◆ PROBLEM TO SOLVE
Only lines with the string "IFCPOLYGONALFACESET" matter here; gather them from the material below.

:: DATA SHOWN

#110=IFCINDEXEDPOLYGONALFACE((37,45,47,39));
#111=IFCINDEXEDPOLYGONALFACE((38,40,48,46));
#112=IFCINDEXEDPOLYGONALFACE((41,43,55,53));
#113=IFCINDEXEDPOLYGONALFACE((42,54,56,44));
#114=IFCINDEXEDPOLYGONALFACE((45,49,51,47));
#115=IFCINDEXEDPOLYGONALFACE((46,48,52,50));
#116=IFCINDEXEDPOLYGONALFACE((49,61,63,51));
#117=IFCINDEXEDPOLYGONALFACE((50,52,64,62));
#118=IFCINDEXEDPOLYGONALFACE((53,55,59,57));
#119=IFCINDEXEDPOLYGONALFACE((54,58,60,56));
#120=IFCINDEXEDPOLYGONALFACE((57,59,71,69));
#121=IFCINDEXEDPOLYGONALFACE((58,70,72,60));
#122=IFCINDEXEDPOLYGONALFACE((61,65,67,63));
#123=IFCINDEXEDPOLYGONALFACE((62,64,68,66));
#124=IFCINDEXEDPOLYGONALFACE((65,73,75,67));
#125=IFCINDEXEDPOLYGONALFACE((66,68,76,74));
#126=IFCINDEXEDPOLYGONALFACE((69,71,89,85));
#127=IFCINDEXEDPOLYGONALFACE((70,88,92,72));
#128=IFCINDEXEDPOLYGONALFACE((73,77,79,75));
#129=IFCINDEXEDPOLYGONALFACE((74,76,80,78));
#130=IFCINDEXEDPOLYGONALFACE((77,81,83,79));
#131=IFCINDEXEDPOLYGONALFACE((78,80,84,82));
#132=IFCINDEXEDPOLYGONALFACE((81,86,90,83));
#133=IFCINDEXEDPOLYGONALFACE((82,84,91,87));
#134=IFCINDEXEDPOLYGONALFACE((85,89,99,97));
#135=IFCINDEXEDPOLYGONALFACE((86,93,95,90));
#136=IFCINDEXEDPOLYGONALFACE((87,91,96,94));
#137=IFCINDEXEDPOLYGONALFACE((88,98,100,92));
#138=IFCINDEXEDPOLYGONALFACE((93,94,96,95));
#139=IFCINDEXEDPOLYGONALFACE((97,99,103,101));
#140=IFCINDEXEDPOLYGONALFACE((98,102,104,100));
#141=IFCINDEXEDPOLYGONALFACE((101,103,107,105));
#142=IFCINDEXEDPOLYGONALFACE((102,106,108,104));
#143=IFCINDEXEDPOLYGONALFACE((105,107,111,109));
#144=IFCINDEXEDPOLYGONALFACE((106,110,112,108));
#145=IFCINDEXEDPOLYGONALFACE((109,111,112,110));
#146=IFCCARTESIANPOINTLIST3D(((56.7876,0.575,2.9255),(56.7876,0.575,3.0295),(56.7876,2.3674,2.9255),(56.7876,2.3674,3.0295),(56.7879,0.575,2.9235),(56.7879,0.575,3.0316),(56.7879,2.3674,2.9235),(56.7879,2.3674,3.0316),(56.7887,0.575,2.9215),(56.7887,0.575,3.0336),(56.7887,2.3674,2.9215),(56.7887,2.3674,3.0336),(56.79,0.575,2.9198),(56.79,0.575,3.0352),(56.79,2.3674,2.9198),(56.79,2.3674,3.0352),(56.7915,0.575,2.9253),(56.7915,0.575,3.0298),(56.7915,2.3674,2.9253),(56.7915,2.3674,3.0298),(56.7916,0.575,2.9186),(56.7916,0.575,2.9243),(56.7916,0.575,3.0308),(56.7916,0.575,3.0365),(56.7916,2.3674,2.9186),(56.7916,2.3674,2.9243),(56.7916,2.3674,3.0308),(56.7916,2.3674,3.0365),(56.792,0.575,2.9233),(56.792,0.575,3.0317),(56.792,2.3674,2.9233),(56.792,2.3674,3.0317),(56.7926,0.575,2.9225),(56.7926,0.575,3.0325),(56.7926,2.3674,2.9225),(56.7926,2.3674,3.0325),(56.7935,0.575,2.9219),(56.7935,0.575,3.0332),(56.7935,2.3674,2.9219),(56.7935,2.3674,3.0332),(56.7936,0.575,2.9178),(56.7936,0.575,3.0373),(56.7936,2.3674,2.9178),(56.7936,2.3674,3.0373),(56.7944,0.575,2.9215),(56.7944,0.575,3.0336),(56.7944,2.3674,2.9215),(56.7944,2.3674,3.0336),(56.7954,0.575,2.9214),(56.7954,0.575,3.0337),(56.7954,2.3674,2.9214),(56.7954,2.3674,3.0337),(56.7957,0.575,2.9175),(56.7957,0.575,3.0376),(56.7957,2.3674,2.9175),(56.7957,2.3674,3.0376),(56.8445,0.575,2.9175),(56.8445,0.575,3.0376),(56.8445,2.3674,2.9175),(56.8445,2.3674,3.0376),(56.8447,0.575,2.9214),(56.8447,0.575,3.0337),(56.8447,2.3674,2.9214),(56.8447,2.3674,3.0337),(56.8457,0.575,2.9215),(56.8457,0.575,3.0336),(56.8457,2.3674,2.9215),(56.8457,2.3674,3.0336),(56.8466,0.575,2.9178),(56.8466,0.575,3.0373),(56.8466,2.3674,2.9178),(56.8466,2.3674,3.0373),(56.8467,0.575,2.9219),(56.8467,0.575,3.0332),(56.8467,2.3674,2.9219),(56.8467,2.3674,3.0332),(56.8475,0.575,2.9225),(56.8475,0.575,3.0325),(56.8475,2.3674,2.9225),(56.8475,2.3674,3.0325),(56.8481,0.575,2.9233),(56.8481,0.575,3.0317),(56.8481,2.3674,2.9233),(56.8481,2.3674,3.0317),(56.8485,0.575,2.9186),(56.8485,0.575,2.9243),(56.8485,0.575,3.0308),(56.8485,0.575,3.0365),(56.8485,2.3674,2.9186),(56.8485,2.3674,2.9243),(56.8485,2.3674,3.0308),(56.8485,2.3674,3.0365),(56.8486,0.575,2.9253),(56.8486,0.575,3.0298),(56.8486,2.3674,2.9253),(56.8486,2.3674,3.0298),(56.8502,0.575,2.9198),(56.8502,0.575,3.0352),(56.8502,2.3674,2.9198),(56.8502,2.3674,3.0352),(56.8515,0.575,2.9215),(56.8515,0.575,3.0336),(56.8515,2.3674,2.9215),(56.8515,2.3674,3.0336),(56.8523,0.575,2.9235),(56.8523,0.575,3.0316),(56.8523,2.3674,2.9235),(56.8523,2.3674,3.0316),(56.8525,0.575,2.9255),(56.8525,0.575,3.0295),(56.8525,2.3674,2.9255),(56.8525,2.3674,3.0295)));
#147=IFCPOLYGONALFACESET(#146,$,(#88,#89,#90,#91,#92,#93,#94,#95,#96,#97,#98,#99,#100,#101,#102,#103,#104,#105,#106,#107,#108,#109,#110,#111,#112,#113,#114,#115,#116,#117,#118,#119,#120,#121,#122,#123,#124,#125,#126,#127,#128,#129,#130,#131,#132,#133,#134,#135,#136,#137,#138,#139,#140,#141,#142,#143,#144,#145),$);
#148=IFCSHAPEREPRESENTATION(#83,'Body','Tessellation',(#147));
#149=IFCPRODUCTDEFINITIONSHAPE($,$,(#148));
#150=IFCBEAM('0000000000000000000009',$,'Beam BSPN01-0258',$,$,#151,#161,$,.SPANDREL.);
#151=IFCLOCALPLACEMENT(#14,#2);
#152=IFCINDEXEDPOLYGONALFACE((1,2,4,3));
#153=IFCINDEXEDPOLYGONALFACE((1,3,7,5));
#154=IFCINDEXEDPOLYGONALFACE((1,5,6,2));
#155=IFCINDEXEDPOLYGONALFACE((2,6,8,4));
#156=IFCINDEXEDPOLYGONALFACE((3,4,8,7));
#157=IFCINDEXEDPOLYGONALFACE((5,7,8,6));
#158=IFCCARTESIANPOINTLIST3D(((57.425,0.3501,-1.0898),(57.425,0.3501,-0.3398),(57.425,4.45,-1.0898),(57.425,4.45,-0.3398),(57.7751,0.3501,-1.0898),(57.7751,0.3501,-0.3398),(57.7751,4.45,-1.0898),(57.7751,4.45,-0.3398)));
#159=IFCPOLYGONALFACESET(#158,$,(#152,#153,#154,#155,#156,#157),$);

::::

◆ EXPECTED ANSWER
#147=IFCPOLYGONALFACESET(#146,$,(#88,#89,#90,#91,#92,#93,#94,#95,#96,#97,#98,#99,#100,#101,#102,#103,#104,#105,#106,#107,#108,#109,#110,#111,#112,#113,#114,#115,#116,#117,#118,#119,#120,#121,#122,#123,#124,#125,#126,#127,#128,#129,#130,#131,#132,#133,#134,#135,#136,#137,#138,#139,#140,#141,#142,#143,#144,#145),$);
#159=IFCPOLYGONALFACESET(#158,$,(#152,#153,#154,#155,#156,#157),$);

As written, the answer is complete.